*EXERCISE DETAILS*. The output should be every line below that includes the word "Tessellation".

Dataset entries:

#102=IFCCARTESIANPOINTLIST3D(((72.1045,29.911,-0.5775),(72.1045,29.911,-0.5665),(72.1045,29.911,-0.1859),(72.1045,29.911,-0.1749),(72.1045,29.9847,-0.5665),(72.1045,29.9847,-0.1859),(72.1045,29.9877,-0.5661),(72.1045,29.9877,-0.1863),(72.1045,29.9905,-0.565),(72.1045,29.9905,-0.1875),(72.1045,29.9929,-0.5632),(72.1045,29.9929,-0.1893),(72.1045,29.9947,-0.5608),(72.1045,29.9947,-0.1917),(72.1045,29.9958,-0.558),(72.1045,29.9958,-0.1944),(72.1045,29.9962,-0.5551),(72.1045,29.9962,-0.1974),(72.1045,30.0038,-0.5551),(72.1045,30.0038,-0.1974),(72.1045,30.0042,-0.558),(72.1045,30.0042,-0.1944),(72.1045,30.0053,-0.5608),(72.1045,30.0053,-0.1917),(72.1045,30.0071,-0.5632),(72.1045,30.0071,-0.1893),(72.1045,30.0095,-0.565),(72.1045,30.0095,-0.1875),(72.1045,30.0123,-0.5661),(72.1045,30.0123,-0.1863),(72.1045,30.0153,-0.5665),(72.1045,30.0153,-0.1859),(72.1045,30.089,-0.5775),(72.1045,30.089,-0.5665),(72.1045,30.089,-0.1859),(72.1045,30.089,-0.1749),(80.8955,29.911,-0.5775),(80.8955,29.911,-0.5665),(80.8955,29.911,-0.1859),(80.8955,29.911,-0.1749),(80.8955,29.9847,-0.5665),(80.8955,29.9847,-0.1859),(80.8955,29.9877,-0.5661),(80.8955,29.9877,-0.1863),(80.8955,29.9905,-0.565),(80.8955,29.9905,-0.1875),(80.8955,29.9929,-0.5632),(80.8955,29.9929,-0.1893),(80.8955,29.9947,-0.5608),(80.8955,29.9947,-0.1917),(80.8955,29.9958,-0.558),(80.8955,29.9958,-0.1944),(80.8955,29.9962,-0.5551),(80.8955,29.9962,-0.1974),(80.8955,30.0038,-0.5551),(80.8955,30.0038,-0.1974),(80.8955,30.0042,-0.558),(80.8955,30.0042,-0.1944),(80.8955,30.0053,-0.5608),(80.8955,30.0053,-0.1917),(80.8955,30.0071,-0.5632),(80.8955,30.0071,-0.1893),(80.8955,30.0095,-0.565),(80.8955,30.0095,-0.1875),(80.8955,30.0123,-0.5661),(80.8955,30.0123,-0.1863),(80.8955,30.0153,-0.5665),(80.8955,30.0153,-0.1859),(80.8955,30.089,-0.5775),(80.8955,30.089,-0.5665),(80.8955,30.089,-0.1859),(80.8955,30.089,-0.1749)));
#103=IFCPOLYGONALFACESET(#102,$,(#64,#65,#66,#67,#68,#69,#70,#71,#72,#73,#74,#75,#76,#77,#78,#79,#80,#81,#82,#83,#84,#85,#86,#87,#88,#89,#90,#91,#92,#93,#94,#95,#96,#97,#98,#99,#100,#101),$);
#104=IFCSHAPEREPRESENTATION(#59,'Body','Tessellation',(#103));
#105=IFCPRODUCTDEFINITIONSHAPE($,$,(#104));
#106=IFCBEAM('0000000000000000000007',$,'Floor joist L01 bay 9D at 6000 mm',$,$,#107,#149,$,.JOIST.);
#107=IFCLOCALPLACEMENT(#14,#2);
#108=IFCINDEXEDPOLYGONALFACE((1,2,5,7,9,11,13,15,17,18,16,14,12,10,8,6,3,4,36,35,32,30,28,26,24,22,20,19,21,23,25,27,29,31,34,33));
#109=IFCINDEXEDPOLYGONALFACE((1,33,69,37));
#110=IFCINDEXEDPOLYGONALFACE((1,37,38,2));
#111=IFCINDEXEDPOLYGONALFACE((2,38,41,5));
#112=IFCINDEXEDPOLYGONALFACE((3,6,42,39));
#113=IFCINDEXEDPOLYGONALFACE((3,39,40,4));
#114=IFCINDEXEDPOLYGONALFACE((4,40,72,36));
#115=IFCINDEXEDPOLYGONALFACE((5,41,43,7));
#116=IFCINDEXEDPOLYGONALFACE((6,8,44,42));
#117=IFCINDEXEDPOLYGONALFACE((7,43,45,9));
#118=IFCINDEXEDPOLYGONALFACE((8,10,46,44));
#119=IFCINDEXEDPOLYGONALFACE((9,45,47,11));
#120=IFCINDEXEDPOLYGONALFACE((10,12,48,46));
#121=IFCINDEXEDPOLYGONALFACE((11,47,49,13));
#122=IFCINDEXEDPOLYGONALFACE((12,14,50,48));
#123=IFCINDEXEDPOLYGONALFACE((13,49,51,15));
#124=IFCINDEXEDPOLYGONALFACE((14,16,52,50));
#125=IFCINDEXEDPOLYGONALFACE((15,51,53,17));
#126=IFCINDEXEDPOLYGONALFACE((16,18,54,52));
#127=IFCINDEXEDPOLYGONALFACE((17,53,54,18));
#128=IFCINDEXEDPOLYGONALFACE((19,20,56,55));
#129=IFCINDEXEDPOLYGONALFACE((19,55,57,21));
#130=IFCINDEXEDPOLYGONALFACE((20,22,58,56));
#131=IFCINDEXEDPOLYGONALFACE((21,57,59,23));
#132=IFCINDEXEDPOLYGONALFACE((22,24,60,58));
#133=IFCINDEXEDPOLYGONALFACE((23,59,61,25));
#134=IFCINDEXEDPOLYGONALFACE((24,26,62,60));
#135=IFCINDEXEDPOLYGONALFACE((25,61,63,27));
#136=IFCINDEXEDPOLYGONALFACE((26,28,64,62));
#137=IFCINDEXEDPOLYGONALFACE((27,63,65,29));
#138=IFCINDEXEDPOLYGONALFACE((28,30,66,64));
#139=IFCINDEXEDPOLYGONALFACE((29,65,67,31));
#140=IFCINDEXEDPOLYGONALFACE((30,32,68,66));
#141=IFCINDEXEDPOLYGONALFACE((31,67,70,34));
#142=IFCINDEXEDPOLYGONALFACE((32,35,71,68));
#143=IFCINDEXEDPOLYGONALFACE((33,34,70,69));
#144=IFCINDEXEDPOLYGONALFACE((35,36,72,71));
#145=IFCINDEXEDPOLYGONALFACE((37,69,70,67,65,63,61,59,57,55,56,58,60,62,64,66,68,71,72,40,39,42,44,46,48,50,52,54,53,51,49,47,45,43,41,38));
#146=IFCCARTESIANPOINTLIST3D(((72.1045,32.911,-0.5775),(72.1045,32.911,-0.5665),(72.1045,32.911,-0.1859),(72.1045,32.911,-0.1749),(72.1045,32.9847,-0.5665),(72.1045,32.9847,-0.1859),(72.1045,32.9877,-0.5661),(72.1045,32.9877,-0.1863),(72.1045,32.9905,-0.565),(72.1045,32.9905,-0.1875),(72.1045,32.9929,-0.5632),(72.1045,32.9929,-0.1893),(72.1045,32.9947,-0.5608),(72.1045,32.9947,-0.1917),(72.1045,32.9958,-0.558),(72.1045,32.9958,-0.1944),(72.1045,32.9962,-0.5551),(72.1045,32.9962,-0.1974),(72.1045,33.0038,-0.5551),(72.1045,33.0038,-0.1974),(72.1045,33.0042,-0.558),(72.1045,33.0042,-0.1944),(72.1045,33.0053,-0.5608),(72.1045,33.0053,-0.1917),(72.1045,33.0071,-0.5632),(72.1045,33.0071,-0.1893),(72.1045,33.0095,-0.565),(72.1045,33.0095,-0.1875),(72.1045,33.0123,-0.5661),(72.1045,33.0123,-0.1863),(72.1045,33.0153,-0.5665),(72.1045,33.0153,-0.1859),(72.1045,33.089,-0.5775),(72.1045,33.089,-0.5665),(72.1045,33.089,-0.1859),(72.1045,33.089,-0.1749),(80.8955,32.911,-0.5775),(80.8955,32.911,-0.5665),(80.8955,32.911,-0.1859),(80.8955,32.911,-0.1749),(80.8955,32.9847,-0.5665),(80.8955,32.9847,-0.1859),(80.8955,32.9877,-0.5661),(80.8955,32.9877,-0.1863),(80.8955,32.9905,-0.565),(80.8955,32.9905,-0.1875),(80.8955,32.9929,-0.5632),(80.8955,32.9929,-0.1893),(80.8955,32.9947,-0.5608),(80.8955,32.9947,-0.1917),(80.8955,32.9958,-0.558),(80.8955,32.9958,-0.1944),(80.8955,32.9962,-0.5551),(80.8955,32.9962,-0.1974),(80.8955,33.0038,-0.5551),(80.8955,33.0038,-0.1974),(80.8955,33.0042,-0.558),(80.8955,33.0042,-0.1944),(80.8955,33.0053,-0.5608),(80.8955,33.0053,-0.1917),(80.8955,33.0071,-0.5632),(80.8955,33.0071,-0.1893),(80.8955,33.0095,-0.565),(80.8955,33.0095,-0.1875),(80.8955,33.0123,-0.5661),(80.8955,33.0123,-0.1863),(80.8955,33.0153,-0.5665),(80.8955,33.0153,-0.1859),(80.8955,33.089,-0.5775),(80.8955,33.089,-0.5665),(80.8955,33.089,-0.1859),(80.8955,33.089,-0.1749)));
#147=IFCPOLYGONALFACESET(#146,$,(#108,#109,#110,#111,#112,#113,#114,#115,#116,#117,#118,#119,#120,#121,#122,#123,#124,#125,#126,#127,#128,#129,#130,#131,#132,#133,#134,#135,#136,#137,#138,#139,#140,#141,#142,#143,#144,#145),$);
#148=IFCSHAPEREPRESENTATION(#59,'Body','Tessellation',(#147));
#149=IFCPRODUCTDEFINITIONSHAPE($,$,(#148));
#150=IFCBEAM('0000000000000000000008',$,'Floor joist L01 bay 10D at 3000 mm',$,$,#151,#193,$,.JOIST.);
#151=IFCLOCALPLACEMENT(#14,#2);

==

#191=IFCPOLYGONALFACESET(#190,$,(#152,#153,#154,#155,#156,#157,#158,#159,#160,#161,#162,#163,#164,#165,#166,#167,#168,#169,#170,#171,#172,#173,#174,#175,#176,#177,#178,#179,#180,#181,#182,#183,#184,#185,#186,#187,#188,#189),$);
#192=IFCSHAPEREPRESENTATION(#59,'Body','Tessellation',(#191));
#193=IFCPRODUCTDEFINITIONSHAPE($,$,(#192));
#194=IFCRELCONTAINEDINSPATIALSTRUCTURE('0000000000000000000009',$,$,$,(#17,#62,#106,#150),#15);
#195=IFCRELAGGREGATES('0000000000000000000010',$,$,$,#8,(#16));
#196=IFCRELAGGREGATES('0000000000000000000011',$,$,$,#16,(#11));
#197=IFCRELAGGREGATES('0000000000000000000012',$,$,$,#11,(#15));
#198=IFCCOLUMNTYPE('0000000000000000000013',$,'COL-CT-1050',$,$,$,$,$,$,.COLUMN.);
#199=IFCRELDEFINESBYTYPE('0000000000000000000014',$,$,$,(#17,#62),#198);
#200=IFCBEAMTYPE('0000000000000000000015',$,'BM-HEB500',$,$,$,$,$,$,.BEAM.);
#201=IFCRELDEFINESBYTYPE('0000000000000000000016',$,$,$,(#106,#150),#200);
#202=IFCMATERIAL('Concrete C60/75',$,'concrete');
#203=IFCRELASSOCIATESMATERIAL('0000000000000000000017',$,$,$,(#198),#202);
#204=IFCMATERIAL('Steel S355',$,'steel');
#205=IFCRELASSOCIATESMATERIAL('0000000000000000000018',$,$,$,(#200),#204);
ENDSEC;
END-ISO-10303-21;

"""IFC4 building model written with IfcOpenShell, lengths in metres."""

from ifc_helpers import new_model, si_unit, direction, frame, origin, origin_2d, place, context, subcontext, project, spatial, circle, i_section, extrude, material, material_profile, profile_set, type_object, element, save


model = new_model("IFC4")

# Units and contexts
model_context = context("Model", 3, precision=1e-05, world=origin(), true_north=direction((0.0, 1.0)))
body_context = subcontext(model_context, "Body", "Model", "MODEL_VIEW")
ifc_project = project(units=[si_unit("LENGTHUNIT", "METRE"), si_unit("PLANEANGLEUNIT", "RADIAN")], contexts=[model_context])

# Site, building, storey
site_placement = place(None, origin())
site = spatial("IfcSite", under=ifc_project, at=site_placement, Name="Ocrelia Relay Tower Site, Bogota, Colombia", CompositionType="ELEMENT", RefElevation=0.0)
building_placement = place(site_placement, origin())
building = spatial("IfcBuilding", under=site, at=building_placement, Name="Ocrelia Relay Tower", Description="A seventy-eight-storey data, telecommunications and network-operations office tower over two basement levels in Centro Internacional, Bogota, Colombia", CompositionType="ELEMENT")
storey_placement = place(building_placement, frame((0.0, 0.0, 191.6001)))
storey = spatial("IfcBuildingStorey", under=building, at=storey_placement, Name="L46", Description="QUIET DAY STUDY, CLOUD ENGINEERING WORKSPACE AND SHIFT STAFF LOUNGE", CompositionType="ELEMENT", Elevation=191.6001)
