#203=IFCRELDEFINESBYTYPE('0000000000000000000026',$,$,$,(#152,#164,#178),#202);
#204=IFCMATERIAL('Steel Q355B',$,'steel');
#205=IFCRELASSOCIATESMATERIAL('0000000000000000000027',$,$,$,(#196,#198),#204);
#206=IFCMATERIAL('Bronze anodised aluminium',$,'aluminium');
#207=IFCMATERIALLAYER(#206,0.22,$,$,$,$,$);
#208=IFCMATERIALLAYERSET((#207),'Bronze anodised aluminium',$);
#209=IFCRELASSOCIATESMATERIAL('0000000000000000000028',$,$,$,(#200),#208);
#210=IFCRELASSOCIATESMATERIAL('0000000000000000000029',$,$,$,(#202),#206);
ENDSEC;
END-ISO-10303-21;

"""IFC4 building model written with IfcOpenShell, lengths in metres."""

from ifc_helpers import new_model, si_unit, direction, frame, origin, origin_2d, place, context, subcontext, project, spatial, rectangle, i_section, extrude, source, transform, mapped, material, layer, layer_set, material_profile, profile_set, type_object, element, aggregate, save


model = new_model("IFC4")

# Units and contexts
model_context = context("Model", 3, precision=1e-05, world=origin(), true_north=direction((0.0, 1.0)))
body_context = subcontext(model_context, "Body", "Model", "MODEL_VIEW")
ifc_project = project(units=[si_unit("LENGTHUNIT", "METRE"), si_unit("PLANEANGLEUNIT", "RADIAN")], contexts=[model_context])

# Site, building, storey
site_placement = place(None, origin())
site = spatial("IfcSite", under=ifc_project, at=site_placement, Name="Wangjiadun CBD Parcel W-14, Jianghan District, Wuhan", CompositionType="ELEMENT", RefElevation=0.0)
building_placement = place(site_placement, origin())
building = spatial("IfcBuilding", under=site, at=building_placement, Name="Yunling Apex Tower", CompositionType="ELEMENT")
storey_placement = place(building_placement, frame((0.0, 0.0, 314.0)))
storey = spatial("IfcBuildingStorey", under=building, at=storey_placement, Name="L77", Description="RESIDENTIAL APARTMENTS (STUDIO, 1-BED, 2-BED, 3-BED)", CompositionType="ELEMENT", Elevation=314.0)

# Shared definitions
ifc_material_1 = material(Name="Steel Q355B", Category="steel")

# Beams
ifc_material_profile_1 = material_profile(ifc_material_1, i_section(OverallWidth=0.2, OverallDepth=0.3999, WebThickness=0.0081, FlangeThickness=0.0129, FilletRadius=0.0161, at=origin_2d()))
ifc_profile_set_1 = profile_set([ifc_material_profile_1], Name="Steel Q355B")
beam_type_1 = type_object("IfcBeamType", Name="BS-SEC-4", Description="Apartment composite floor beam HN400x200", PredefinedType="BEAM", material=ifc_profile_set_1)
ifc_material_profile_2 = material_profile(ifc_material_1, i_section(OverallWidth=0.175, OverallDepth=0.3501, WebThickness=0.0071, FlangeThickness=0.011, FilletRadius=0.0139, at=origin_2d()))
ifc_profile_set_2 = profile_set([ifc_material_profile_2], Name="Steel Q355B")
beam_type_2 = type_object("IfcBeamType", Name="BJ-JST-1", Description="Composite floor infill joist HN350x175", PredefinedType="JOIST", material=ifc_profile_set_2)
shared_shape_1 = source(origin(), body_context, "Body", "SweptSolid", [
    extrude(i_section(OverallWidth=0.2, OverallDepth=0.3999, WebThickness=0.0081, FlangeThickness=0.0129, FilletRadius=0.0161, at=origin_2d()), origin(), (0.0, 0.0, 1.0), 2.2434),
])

*RESPONSE TO THIS EXERCISE*.
#104=IFCSHAPEREPRESENTATION(#59,'Body','Tessellation',(#103));
#148=IFCSHAPEREPRESENTATION(#59,'Body','Tessellation',(#147));
#192=IFCSHAPEREPRESENTATION(#59,'Body','Tessellation',(#191));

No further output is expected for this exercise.